◆ **Records for this exercise**
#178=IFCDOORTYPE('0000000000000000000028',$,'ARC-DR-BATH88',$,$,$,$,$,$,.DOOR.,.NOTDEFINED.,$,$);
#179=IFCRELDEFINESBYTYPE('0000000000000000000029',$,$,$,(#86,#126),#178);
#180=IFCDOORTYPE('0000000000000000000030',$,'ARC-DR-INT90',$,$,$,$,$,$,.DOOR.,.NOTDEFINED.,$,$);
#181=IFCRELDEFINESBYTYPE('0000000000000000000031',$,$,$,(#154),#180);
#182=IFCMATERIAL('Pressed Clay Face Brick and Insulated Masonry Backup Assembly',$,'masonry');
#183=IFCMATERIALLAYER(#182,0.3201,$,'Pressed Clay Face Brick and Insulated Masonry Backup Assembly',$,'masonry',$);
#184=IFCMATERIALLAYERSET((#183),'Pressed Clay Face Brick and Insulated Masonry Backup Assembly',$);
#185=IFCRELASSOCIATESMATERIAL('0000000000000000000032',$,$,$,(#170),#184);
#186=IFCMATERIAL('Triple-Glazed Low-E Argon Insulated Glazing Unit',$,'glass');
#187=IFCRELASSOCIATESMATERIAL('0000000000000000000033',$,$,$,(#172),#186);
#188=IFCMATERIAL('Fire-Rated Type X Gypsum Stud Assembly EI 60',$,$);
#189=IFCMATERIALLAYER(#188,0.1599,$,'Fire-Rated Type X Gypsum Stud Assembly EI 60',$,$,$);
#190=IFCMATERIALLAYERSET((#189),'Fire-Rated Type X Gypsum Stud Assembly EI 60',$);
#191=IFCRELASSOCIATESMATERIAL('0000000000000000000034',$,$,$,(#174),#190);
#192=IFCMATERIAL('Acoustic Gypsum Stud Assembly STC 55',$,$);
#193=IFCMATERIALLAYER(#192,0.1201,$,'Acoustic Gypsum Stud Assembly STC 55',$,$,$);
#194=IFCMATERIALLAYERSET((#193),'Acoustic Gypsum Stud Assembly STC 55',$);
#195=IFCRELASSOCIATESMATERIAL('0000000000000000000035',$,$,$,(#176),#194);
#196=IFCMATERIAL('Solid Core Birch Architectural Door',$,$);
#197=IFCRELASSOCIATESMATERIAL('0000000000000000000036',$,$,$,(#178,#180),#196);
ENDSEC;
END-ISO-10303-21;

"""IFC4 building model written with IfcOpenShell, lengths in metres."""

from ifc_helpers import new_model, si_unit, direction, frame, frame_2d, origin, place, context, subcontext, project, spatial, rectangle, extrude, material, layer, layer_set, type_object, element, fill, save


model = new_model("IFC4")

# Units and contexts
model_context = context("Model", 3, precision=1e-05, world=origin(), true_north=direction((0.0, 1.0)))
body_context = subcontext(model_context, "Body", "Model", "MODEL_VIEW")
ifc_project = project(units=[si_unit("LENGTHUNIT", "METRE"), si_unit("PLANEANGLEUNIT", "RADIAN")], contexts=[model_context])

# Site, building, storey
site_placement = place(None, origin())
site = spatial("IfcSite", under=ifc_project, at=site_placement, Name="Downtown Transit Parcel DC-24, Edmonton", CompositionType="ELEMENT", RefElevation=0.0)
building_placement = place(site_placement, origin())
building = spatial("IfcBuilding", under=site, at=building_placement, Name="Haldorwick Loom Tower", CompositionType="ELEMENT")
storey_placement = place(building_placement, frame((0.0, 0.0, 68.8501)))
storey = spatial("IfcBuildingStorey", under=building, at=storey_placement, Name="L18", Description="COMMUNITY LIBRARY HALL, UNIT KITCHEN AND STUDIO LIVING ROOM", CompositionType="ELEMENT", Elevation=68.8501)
* * *
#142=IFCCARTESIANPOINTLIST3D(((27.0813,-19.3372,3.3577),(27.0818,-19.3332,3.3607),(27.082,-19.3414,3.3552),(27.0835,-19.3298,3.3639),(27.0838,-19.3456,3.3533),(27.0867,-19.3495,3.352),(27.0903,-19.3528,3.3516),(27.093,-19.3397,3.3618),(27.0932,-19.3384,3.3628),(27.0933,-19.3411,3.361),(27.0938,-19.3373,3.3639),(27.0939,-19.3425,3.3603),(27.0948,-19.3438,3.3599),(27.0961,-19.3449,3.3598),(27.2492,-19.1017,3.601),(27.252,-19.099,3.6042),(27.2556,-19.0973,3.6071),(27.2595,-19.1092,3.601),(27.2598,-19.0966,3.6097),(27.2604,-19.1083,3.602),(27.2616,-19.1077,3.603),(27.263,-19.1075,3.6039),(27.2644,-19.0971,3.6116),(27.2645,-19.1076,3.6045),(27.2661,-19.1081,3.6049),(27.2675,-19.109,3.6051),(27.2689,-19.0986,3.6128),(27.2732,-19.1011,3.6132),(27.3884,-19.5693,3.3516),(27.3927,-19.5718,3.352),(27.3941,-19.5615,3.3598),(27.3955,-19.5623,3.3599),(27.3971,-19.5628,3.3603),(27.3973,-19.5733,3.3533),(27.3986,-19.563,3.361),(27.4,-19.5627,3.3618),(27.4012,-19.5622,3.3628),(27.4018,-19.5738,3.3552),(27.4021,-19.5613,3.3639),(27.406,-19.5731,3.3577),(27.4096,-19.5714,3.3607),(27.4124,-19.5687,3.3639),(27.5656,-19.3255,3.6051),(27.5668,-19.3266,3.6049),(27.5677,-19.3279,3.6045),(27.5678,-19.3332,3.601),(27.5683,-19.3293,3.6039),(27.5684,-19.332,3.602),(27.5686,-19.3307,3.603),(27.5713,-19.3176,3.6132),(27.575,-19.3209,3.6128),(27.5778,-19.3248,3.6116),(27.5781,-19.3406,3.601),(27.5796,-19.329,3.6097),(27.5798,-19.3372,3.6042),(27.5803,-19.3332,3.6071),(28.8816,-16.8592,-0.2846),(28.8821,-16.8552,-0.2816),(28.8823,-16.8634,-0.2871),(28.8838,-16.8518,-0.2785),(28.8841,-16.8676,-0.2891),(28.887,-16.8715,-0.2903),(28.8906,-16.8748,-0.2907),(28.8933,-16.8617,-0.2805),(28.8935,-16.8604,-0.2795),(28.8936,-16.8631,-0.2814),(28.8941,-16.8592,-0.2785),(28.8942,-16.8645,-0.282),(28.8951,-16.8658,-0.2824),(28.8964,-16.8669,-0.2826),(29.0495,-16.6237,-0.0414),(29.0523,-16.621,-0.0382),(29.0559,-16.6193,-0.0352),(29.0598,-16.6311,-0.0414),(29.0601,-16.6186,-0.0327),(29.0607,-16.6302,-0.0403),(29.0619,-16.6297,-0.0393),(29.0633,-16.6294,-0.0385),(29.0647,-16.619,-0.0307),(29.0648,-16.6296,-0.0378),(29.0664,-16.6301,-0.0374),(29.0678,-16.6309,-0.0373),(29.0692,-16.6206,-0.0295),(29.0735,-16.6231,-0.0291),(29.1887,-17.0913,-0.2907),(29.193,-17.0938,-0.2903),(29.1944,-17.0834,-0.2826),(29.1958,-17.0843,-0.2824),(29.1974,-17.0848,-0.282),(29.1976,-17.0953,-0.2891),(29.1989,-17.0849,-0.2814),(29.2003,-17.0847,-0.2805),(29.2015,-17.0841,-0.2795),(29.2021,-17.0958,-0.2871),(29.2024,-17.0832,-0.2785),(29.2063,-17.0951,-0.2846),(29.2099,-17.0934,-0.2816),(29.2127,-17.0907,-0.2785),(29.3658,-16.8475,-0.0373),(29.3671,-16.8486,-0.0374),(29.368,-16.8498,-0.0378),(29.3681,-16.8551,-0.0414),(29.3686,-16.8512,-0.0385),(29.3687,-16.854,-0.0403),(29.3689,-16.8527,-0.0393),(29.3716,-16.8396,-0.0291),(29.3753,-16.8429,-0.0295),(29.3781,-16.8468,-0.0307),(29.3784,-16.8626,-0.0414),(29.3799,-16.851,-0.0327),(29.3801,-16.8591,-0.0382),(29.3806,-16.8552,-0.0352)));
...
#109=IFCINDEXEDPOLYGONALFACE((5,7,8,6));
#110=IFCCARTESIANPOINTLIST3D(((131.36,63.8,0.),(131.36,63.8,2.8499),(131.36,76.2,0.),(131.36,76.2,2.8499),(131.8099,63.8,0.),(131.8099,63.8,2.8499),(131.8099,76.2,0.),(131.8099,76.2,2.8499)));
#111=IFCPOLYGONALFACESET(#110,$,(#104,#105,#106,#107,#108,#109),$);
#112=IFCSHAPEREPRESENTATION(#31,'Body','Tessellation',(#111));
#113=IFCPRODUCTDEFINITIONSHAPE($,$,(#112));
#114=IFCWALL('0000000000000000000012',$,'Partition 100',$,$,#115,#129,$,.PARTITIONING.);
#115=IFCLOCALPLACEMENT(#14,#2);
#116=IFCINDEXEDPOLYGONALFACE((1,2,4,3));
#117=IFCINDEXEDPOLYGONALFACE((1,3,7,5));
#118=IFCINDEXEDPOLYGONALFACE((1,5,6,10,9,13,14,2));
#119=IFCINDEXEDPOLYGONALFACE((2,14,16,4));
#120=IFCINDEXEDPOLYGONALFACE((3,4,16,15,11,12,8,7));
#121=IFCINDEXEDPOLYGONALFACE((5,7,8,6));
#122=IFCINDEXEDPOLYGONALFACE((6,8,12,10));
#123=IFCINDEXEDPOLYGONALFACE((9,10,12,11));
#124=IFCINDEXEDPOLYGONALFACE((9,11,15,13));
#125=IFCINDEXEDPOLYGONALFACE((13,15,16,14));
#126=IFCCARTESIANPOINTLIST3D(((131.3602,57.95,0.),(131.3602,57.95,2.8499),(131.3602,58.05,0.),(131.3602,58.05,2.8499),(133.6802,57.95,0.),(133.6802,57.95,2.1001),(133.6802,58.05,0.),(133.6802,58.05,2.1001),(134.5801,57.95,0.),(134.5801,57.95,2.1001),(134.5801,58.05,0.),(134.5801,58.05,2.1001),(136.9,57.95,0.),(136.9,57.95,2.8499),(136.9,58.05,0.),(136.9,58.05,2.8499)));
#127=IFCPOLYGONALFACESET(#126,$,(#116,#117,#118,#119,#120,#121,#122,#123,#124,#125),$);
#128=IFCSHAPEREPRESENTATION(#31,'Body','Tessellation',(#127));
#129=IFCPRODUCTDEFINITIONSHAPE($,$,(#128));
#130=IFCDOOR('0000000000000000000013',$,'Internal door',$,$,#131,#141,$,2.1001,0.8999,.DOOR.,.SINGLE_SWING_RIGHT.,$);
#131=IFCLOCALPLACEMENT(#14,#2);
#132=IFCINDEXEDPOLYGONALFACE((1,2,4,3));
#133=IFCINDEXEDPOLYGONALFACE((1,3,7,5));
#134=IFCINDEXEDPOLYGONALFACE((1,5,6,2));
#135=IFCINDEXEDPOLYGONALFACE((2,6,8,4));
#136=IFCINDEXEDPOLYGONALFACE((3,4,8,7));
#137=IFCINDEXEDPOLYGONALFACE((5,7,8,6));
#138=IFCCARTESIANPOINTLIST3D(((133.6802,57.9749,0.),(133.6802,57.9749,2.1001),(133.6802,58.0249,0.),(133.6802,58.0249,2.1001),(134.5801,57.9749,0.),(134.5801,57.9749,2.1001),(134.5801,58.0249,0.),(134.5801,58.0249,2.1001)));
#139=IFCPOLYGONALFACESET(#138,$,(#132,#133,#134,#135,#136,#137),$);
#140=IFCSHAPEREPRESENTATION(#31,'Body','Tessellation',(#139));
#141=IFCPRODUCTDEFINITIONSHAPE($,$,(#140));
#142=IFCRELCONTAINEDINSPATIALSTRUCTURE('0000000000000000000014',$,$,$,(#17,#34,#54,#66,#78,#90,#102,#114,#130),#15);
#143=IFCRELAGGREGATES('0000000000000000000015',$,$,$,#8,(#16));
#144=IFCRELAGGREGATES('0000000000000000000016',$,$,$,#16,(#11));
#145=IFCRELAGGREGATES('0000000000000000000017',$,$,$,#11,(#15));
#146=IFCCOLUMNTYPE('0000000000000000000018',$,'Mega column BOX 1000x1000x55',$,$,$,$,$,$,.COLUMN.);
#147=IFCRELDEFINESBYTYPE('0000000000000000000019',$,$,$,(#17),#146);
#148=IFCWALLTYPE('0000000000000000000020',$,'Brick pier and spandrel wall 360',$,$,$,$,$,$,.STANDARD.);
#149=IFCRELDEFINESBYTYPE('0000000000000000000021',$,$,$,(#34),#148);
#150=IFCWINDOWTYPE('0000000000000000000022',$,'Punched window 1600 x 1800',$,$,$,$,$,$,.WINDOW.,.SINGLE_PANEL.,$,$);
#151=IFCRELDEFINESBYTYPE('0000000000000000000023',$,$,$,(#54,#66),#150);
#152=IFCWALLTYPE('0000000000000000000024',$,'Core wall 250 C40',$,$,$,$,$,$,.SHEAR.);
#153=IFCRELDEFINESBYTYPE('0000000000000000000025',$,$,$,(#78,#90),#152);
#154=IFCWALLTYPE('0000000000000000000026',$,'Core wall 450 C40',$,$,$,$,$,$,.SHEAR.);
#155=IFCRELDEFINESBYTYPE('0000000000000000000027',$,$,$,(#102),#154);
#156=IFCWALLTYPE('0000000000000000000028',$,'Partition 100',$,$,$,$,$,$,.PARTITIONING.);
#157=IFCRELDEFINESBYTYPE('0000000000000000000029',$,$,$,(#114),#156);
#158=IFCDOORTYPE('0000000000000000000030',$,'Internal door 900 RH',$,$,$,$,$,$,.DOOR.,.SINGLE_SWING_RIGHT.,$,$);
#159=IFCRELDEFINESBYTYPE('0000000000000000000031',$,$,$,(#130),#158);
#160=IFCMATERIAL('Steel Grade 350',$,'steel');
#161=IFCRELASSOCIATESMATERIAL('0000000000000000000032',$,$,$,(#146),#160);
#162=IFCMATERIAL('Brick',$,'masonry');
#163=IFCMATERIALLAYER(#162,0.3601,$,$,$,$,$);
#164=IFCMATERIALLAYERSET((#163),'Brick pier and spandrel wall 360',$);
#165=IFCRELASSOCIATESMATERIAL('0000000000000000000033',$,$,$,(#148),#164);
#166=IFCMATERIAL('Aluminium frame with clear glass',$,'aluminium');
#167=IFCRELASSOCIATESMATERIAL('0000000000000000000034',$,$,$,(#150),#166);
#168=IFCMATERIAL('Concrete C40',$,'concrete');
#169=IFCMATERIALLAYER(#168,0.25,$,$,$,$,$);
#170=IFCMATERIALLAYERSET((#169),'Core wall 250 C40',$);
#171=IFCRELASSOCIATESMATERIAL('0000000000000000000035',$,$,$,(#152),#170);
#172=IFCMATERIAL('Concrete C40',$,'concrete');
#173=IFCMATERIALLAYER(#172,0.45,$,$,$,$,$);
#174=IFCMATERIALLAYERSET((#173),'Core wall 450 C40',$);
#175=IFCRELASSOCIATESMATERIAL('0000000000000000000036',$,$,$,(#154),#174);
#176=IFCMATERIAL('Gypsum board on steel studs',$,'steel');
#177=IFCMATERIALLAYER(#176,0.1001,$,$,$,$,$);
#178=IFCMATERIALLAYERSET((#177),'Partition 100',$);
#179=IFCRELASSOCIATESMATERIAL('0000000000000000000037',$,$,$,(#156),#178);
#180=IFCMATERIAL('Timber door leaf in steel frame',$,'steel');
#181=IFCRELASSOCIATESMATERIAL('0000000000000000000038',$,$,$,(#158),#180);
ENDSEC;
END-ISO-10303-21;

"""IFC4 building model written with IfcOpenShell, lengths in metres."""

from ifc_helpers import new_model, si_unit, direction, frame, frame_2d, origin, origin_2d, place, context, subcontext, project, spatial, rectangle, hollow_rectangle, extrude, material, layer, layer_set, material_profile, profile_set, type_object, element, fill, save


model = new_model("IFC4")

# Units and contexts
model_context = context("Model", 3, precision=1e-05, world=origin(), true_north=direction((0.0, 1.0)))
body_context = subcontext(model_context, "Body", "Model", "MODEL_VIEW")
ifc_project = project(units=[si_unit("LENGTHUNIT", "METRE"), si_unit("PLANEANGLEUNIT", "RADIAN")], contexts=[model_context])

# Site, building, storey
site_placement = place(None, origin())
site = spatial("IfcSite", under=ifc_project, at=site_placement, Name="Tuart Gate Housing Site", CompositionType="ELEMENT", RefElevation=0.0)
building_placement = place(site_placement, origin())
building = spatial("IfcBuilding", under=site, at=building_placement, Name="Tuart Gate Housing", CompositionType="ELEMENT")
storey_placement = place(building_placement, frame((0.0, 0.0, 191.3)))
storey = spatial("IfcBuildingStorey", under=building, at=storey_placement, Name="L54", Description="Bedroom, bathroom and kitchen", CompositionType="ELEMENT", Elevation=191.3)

◆ **What you will do**
Counting only lines that hold the string "extrude", give the number of such lines in the records. Write nothing else.

◆ **Your solution**
2